Listed records START

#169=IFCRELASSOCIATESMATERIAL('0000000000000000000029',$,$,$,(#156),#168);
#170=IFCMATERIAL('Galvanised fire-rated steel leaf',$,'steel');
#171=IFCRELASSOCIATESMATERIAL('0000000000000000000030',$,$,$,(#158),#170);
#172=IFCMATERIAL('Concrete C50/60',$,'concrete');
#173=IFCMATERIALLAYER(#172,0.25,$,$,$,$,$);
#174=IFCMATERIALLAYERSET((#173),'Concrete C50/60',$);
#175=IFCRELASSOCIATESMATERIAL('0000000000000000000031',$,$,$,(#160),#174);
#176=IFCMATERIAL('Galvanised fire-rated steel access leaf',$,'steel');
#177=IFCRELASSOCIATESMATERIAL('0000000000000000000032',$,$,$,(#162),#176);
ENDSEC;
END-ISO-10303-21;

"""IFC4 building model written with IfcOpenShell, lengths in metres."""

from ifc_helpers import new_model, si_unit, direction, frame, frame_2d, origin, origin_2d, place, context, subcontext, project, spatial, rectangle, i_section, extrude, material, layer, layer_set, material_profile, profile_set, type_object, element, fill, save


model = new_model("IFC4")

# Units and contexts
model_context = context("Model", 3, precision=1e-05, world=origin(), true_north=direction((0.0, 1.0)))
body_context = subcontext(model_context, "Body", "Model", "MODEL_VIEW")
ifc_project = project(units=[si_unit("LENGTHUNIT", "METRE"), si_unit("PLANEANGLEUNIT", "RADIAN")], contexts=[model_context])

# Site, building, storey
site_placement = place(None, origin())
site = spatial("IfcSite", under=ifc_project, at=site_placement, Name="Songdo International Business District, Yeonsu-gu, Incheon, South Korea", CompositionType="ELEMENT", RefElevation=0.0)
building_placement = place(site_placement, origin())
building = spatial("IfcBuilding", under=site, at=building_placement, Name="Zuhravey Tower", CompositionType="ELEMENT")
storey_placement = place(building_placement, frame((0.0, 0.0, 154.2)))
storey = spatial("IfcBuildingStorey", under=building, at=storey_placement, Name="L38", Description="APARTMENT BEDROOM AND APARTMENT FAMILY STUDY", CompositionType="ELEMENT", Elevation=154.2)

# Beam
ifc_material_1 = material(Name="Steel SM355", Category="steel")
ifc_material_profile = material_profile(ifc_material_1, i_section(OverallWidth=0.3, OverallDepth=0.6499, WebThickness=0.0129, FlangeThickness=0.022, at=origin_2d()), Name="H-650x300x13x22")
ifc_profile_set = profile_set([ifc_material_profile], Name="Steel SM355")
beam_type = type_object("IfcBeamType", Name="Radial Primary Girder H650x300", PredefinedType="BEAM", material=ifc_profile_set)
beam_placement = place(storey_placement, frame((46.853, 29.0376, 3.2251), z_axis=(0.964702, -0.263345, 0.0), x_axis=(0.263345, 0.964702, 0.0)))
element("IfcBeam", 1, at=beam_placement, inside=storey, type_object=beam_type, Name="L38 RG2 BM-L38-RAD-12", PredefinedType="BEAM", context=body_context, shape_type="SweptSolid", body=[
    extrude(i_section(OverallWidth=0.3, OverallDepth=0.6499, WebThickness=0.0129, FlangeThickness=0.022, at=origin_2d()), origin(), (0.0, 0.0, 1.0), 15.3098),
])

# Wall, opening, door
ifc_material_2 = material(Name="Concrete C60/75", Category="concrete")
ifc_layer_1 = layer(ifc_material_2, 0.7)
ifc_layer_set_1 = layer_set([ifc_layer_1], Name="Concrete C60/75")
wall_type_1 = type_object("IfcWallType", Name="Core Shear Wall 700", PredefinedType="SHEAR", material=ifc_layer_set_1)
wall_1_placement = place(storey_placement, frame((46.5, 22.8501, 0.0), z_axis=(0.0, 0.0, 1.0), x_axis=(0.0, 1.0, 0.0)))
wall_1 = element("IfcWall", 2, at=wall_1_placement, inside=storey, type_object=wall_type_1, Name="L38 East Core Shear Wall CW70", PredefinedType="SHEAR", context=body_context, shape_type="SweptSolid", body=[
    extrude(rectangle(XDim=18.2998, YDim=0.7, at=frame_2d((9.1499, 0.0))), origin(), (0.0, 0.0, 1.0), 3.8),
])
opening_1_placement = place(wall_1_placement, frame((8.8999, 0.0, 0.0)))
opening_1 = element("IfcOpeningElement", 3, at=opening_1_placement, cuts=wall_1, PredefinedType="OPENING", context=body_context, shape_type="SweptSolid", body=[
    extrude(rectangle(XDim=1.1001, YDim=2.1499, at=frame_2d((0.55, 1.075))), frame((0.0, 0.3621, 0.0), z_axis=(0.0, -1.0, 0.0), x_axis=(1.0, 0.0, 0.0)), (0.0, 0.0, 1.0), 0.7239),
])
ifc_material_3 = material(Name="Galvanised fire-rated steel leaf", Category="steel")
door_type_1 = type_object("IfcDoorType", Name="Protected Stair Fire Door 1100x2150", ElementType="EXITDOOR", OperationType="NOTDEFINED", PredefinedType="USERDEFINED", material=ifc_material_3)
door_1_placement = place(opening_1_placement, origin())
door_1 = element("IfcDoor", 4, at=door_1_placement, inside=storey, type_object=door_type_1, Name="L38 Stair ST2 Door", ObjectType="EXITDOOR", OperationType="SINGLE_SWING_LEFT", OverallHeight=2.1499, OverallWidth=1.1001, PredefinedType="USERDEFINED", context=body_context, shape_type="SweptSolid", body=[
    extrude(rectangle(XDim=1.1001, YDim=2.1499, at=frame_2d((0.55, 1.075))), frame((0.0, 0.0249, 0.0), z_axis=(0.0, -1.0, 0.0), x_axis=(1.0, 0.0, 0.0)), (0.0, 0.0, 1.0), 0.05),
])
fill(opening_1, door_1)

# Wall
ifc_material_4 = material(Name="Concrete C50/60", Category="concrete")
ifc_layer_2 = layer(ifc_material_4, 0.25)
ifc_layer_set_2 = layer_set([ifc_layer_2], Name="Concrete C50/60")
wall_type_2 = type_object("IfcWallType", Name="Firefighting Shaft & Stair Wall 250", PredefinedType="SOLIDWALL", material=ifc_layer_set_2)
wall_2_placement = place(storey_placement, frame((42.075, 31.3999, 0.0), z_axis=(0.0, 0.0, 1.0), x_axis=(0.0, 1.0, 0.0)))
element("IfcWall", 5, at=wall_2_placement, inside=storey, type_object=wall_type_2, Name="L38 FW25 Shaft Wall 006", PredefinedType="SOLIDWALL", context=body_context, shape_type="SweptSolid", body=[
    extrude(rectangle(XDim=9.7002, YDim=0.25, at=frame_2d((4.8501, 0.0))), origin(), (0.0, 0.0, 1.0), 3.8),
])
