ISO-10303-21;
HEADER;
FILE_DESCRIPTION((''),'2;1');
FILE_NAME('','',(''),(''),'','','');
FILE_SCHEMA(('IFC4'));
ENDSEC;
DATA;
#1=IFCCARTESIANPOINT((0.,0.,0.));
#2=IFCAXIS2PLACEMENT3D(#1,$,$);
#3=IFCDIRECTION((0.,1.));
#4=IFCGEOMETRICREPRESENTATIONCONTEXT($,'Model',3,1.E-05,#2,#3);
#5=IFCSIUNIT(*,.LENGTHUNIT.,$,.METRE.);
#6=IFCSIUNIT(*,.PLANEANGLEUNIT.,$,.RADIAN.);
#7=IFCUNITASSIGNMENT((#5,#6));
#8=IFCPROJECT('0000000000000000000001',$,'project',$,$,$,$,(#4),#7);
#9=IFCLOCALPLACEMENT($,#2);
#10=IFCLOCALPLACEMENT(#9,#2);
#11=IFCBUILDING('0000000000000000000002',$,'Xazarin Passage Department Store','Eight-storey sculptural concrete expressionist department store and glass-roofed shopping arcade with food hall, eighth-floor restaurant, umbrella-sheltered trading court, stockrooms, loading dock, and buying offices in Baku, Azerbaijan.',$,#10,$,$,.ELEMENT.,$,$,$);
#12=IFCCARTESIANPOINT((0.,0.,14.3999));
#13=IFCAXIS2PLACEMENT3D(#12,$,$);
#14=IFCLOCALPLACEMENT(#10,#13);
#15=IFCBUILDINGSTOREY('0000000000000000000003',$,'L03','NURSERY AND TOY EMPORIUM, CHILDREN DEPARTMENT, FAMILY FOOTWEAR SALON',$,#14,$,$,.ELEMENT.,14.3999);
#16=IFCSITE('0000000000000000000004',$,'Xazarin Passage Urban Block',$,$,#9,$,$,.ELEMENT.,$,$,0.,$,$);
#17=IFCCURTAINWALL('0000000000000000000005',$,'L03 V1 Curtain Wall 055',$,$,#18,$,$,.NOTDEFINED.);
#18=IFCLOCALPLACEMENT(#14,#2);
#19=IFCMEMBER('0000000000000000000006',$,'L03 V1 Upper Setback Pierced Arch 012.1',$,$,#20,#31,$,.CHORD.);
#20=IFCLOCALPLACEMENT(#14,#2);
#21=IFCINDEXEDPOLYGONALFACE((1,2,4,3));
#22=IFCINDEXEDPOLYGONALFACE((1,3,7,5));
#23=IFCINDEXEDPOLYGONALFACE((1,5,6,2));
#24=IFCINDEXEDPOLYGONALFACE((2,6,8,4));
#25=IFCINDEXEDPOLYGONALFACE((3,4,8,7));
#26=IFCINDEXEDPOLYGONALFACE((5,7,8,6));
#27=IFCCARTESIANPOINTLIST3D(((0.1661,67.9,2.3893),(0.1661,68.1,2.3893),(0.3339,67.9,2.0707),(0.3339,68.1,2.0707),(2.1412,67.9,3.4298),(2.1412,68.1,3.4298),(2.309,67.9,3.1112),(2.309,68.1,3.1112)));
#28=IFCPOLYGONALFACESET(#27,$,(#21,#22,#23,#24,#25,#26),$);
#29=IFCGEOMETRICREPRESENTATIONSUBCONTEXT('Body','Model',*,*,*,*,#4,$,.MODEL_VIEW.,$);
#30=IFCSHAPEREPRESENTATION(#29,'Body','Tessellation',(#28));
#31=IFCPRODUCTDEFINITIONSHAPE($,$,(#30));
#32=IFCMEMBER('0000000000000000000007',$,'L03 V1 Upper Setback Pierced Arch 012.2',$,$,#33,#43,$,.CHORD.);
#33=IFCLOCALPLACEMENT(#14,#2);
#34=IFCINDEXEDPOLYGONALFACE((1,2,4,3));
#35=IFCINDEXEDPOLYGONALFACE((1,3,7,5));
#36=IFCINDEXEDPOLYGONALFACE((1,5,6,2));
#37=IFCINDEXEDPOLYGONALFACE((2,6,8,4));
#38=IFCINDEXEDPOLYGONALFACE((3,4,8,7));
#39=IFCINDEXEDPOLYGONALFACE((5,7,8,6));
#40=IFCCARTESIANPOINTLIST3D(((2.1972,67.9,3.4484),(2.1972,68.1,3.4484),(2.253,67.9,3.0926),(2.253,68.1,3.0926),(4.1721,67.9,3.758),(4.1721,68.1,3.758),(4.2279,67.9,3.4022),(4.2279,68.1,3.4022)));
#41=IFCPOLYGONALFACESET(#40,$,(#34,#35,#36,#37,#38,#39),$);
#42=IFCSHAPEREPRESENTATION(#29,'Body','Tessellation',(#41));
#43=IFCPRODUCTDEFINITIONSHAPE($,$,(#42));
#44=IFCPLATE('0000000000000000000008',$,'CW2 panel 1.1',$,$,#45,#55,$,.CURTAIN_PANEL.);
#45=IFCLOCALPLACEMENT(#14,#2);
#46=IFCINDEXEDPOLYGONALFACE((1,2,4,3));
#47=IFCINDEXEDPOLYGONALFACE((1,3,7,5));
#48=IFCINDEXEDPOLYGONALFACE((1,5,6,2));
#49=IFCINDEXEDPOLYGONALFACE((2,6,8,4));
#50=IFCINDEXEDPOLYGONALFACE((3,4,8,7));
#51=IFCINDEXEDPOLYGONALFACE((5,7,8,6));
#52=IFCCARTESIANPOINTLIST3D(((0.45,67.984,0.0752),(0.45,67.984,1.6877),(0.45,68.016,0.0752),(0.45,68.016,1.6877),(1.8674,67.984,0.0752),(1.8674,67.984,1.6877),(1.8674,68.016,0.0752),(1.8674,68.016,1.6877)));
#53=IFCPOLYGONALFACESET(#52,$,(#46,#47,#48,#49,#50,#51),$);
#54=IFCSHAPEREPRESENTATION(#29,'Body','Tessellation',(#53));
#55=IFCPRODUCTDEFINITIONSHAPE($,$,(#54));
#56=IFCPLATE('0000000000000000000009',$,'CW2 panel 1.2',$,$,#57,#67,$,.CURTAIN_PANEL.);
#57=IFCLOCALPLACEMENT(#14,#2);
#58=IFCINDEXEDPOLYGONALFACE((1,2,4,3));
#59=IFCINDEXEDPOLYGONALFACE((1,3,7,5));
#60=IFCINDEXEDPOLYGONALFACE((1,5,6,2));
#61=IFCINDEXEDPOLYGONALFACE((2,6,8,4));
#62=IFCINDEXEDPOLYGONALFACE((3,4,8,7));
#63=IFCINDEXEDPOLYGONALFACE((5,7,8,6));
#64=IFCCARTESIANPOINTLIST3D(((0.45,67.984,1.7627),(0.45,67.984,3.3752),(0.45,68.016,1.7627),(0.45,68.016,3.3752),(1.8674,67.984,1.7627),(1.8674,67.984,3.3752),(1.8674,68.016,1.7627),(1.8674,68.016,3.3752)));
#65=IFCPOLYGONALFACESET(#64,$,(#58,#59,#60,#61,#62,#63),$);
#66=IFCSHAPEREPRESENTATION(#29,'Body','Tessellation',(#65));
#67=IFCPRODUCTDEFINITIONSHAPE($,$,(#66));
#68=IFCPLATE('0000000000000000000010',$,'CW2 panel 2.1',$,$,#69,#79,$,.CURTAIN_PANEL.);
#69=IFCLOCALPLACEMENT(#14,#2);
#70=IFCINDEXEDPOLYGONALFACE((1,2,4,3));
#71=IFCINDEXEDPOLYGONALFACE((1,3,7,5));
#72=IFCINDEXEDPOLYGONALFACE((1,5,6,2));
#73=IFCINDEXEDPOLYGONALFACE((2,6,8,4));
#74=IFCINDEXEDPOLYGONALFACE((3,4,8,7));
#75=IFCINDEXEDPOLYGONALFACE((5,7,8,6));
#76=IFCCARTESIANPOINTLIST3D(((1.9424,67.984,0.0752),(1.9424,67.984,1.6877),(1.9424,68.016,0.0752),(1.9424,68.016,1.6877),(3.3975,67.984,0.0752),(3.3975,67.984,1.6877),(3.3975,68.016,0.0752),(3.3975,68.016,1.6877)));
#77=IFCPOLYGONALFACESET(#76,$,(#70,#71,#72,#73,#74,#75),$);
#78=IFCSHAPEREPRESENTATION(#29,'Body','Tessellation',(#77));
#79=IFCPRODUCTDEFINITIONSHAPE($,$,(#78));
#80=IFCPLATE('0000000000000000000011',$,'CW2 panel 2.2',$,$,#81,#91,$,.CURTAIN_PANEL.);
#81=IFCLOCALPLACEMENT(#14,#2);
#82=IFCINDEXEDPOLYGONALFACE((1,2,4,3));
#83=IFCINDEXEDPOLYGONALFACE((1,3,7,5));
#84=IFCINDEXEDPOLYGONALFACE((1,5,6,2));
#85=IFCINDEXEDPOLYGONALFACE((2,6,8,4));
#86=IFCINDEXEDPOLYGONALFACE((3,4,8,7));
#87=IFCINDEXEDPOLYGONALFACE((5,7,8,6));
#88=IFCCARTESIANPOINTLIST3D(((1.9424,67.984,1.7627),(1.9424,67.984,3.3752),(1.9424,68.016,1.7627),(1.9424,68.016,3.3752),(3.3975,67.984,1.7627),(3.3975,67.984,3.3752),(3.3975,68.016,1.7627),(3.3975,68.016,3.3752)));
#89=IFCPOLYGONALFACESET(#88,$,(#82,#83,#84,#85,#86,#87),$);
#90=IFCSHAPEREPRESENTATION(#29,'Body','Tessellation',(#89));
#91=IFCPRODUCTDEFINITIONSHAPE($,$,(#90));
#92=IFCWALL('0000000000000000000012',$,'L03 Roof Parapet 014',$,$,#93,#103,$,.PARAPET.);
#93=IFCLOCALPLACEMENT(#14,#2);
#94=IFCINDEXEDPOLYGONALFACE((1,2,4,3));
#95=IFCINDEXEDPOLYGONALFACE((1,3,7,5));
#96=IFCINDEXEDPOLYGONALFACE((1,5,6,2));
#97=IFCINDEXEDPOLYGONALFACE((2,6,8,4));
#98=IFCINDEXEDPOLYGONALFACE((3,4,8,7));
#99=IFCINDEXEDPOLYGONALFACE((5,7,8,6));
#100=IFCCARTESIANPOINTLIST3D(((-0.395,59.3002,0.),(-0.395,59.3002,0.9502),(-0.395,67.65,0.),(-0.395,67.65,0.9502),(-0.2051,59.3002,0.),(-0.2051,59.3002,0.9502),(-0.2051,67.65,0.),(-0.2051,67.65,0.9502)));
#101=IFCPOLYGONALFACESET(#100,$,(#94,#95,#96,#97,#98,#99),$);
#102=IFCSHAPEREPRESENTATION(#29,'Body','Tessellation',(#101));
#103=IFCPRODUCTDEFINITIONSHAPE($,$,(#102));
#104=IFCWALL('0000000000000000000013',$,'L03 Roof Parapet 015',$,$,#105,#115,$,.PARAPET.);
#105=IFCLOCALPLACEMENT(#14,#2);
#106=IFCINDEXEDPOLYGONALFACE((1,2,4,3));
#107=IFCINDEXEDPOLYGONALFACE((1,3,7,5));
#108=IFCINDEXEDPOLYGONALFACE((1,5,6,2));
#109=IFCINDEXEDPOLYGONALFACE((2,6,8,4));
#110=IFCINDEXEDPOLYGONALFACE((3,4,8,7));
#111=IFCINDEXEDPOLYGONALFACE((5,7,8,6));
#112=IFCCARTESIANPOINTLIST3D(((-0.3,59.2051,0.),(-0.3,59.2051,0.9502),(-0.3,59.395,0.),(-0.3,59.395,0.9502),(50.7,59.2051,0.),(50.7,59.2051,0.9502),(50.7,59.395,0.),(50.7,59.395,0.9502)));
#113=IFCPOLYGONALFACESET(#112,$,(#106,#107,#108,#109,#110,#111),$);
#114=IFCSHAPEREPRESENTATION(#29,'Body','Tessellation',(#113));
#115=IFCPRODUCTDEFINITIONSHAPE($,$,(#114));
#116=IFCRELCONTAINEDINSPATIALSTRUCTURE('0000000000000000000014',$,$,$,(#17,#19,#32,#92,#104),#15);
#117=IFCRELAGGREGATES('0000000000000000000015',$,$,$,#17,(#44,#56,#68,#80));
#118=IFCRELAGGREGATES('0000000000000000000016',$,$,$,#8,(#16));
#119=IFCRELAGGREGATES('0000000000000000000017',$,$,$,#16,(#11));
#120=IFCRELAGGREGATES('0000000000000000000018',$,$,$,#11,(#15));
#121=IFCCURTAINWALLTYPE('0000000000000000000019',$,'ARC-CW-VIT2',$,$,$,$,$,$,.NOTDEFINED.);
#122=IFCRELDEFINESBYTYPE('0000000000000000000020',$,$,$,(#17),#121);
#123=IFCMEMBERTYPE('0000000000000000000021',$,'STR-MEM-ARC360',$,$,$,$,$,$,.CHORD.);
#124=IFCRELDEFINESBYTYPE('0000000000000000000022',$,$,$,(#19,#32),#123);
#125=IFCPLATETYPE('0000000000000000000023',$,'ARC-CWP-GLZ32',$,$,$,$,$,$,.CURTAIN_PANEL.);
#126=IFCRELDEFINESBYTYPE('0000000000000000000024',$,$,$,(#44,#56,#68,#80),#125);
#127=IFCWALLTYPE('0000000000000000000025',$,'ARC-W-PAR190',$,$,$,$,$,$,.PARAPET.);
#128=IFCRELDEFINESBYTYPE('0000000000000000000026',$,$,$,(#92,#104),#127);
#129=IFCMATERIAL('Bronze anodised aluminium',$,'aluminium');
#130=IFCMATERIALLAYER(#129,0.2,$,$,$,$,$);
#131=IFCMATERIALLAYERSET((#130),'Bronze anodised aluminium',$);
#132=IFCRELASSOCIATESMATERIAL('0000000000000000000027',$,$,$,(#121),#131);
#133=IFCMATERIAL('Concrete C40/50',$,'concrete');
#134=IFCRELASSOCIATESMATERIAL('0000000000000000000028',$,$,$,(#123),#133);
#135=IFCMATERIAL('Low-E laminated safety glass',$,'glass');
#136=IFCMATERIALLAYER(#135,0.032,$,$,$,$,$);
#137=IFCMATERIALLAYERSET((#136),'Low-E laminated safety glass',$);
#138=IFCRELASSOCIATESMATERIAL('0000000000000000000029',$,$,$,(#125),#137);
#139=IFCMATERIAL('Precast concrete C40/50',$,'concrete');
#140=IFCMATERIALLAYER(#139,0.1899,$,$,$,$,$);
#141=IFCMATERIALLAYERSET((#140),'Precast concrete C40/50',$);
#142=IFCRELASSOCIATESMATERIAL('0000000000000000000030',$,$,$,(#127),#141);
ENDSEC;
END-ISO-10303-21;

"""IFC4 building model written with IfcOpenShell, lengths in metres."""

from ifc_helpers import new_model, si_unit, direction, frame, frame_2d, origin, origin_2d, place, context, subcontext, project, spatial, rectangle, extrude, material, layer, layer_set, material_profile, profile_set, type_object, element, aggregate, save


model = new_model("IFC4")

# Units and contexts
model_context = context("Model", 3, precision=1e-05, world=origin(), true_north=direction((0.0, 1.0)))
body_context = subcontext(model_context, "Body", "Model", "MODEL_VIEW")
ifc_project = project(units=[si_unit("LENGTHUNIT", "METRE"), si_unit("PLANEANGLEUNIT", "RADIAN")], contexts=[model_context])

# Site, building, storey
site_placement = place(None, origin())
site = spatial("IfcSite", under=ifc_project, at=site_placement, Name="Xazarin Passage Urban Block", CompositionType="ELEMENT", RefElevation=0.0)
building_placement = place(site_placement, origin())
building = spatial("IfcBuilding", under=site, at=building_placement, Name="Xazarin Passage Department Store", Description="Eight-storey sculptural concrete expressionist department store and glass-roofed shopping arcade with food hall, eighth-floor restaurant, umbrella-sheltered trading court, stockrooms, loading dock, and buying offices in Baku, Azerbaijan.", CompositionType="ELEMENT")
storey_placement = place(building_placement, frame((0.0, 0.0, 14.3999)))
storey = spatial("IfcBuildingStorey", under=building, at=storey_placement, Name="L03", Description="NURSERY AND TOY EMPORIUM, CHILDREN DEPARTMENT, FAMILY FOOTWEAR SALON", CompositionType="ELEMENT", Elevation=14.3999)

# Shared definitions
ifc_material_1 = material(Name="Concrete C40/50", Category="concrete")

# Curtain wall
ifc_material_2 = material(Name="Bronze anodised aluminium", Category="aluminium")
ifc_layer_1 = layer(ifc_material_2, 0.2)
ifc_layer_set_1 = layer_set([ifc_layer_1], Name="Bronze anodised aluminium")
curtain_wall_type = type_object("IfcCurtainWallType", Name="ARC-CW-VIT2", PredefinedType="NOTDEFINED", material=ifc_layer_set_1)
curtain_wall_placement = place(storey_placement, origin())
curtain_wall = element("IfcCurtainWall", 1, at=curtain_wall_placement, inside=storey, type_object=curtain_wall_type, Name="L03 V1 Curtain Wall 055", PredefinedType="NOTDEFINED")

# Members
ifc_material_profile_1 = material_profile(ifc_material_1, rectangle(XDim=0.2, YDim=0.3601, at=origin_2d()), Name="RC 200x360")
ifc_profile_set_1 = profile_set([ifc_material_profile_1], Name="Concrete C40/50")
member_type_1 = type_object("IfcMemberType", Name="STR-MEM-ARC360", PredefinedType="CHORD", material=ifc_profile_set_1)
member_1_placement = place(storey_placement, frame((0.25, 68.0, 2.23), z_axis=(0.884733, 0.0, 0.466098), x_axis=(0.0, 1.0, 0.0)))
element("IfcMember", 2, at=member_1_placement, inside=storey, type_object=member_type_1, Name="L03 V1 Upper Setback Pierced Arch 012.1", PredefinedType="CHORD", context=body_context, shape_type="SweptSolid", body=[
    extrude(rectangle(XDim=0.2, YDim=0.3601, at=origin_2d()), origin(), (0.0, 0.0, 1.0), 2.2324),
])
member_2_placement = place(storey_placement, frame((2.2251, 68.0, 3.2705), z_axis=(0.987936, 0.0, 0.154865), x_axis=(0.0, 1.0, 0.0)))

Listed records END

» Task to carry out
Starting at the line above that holds "#51=IFCINDEXEDPOLYGONALFACE((5,7,8,6));" and ending at the line that holds "#73=IFCINDEXEDPOLYGONALFACE((2,6,8,4));", transcribe each line exactly and include no other lines.

» Task answer
#51=IFCINDEXEDPOLYGONALFACE((5,7,8,6));
#52=IFCCARTESIANPOINTLIST3D(((0.45,67.984,0.0752),(0.45,67.984,1.6877),(0.45,68.016,0.0752),(0.45,68.016,1.6877),(1.8674,67.984,0.0752),(1.8674,67.984,1.6877),(1.8674,68.016,0.0752),(1.8674,68.016,1.6877)));
#53=IFCPOLYGONALFACESET(#52,$,(#46,#47,#48,#49,#50,#51),$);
#54=IFCSHAPEREPRESENTATION(#29,'Body','Tessellation',(#53));
#55=IFCPRODUCTDEFINITIONSHAPE($,$,(#54));
#56=IFCPLATE('0000000000000000000009',$,'CW2 panel 1.2',$,$,#57,#67,$,.CURTAIN_PANEL.);
#57=IFCLOCALPLACEMENT(#14,#2);
#58=IFCINDEXEDPOLYGONALFACE((1,2,4,3));
#59=IFCINDEXEDPOLYGONALFACE((1,3,7,5));
#60=IFCINDEXEDPOLYGONALFACE((1,5,6,2));
#61=IFCINDEXEDPOLYGONALFACE((2,6,8,4));
#62=IFCINDEXEDPOLYGONALFACE((3,4,8,7));
#63=IFCINDEXEDPOLYGONALFACE((5,7,8,6));
#64=IFCCARTESIANPOINTLIST3D(((0.45,67.984,1.7627),(0.45,67.984,3.3752),(0.45,68.016,1.7627),(0.45,68.016,3.3752),(1.8674,67.984,1.7627),(1.8674,67.984,3.3752),(1.8674,68.016,1.7627),(1.8674,68.016,3.3752)));
#65=IFCPOLYGONALFACESET(#64,$,(#58,#59,#60,#61,#62,#63),$);
#66=IFCSHAPEREPRESENTATION(#29,'Body','Tessellation',(#65));
#67=IFCPRODUCTDEFINITIONSHAPE($,$,(#66));
#68=IFCPLATE('0000000000000000000010',$,'CW2 panel 2.1',$,$,#69,#79,$,.CURTAIN_PANEL.);
#69=IFCLOCALPLACEMENT(#14,#2);
#70=IFCINDEXEDPOLYGONALFACE((1,2,4,3));
#71=IFCINDEXEDPOLYGONALFACE((1,3,7,5));
#72=IFCINDEXEDPOLYGONALFACE((1,5,6,2));
#73=IFCINDEXEDPOLYGONALFACE((2,6,8,4));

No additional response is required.